## Task material

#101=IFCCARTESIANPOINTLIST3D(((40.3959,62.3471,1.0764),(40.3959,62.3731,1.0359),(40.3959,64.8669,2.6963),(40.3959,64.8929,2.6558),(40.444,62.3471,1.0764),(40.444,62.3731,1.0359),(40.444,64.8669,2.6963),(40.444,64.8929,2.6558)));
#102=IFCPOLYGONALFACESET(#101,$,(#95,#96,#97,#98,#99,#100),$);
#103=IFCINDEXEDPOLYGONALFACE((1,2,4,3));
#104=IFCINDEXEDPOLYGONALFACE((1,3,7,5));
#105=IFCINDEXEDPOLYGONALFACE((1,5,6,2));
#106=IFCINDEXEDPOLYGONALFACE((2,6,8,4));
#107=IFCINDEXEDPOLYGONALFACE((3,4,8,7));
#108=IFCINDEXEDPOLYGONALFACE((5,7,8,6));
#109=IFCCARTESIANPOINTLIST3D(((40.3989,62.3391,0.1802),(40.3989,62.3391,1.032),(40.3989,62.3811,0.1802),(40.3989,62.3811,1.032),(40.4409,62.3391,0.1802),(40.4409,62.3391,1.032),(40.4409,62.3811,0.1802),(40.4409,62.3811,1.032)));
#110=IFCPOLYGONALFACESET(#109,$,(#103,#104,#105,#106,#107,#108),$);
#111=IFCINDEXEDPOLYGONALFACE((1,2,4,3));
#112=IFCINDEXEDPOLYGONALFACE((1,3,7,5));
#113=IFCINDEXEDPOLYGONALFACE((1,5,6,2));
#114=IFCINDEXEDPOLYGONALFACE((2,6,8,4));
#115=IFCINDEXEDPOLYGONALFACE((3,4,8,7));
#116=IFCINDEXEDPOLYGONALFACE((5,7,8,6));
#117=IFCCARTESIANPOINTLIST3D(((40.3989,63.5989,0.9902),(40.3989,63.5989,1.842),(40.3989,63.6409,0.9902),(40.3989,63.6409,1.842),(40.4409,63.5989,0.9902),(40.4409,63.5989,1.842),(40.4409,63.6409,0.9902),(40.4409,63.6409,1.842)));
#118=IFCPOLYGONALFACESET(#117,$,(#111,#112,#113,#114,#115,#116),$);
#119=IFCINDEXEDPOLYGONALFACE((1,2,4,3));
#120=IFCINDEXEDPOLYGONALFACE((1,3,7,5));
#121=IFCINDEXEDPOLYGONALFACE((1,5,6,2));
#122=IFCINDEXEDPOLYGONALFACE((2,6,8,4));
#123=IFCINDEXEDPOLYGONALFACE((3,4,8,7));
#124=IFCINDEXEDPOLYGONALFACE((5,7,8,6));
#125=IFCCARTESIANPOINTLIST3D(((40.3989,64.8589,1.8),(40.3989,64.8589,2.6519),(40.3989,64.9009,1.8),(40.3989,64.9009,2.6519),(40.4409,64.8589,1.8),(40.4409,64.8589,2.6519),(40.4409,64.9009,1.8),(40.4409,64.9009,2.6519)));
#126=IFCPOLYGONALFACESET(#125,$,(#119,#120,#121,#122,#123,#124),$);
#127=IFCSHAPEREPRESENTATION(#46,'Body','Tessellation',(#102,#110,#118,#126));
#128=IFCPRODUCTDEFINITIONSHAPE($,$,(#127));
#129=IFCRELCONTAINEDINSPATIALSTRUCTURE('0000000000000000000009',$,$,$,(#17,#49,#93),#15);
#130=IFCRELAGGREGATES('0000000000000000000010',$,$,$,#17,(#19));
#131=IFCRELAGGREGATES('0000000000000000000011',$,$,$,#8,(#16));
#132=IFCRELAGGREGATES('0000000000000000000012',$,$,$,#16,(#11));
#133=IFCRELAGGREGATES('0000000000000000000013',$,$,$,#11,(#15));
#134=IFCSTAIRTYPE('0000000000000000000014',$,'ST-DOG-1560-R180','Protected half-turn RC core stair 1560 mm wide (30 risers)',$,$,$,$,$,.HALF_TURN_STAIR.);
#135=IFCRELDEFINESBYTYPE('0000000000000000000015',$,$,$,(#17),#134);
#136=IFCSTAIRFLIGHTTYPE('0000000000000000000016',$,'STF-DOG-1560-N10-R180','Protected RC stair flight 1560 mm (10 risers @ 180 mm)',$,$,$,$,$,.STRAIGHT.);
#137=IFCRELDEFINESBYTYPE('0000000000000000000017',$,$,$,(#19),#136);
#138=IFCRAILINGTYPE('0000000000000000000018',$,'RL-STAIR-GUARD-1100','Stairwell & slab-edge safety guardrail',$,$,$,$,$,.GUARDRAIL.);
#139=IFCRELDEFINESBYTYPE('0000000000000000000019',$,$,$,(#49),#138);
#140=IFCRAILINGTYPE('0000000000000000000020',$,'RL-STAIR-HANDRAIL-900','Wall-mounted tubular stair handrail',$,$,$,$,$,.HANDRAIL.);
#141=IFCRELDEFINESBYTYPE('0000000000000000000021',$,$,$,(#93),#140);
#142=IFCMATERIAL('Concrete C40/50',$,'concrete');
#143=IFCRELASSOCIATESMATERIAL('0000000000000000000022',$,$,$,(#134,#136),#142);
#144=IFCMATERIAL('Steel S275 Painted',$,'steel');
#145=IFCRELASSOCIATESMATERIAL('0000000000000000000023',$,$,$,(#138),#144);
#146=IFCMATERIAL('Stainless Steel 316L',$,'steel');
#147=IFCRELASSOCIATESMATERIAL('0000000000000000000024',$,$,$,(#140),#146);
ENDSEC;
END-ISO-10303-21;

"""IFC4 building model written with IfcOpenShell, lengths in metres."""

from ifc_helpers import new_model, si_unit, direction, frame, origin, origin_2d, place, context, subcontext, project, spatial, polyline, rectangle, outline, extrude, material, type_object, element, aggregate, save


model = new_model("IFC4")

--

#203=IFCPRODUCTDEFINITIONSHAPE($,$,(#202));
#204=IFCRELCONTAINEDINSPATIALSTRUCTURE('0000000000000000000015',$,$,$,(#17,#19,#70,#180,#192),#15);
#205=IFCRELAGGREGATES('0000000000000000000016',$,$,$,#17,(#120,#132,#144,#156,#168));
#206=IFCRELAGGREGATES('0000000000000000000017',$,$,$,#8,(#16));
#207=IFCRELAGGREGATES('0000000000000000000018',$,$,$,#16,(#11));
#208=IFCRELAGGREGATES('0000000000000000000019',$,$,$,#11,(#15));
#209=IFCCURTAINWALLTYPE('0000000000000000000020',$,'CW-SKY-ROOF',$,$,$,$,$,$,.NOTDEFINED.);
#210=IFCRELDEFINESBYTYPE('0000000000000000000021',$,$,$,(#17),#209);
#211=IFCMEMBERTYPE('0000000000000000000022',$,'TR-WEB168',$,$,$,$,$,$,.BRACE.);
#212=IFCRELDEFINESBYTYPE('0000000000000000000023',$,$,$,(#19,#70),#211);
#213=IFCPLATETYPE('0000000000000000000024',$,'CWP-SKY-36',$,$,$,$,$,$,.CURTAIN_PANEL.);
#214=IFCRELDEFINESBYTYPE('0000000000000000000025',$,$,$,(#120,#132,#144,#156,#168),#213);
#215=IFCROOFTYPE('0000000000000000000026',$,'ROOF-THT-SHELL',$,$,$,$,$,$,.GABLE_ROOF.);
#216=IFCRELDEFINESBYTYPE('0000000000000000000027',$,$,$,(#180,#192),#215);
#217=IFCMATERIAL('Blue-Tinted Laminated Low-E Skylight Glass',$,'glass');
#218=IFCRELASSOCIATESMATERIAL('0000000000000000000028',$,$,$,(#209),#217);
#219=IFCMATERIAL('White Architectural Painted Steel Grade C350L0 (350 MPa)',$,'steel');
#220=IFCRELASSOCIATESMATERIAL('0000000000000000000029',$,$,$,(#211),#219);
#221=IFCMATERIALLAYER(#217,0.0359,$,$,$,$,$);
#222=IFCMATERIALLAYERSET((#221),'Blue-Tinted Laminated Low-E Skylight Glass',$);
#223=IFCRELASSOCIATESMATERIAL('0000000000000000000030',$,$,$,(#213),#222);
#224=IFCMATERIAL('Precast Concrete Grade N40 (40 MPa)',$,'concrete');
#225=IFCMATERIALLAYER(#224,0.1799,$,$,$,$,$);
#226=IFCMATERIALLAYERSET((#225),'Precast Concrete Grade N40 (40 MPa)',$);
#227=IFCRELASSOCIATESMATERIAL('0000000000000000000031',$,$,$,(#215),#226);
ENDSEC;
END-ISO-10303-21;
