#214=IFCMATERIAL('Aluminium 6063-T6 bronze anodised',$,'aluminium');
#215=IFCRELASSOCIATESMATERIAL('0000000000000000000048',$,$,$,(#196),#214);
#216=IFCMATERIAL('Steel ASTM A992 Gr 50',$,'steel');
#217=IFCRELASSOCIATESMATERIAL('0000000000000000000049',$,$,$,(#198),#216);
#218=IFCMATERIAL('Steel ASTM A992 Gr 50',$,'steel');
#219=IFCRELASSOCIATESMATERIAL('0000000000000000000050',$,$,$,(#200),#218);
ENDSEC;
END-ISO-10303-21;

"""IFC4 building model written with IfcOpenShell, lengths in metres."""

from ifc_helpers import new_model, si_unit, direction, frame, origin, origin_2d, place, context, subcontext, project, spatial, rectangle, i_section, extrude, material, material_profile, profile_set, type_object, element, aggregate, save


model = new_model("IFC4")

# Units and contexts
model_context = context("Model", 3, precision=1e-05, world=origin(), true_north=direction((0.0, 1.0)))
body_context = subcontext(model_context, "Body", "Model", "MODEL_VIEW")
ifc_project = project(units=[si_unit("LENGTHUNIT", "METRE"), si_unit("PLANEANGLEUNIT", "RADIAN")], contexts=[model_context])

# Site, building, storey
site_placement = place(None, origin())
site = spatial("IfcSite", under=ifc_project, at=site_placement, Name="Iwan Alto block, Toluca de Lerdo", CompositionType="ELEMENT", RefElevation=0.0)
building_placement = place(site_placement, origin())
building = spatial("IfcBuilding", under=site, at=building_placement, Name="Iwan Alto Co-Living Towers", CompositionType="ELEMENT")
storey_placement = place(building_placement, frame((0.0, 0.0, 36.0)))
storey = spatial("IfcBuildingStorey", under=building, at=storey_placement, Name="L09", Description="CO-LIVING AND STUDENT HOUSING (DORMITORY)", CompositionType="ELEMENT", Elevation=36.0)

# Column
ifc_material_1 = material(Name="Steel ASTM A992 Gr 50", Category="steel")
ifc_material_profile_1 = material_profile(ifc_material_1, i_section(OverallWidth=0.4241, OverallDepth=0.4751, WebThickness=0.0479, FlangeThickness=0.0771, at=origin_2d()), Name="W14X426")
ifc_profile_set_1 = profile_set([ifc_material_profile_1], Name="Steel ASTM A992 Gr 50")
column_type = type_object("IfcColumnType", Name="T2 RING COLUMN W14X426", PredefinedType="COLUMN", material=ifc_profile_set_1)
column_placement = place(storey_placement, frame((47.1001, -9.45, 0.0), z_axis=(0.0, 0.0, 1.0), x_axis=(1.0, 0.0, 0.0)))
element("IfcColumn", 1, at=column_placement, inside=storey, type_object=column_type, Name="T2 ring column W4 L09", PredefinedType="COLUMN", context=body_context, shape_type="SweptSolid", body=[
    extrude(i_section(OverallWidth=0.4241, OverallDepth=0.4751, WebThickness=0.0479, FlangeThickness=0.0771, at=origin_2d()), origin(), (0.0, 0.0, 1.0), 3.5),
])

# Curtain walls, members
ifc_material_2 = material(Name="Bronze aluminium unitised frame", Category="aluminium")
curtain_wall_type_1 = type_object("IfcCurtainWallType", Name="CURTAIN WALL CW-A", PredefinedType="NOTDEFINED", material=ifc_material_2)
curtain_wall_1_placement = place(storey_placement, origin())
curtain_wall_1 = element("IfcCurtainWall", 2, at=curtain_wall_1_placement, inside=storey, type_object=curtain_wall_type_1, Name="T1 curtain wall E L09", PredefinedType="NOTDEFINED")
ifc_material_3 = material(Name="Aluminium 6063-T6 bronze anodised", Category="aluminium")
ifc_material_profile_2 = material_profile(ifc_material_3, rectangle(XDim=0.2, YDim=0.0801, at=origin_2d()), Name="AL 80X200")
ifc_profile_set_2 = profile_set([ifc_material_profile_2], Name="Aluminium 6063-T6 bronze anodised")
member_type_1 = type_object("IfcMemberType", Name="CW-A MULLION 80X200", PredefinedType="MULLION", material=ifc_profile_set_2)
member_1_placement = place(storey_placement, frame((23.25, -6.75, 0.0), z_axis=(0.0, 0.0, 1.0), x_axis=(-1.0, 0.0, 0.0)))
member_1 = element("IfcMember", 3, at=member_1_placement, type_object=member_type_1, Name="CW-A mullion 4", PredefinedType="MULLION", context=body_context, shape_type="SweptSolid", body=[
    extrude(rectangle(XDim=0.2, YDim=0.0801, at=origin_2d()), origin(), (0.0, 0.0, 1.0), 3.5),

## Exercise requirements
Report each line of the material above where the word "IFCPOLYGONALFACESET" appears.

## Task response
#102=IFCPOLYGONALFACESET(#101,$,(#95,#96,#97,#98,#99,#100),$);
#110=IFCPOLYGONALFACESET(#109,$,(#103,#104,#105,#106,#107,#108),$);
#118=IFCPOLYGONALFACESET(#117,$,(#111,#112,#113,#114,#115,#116),$);
#126=IFCPOLYGONALFACESET(#125,$,(#119,#120,#121,#122,#123,#124),$);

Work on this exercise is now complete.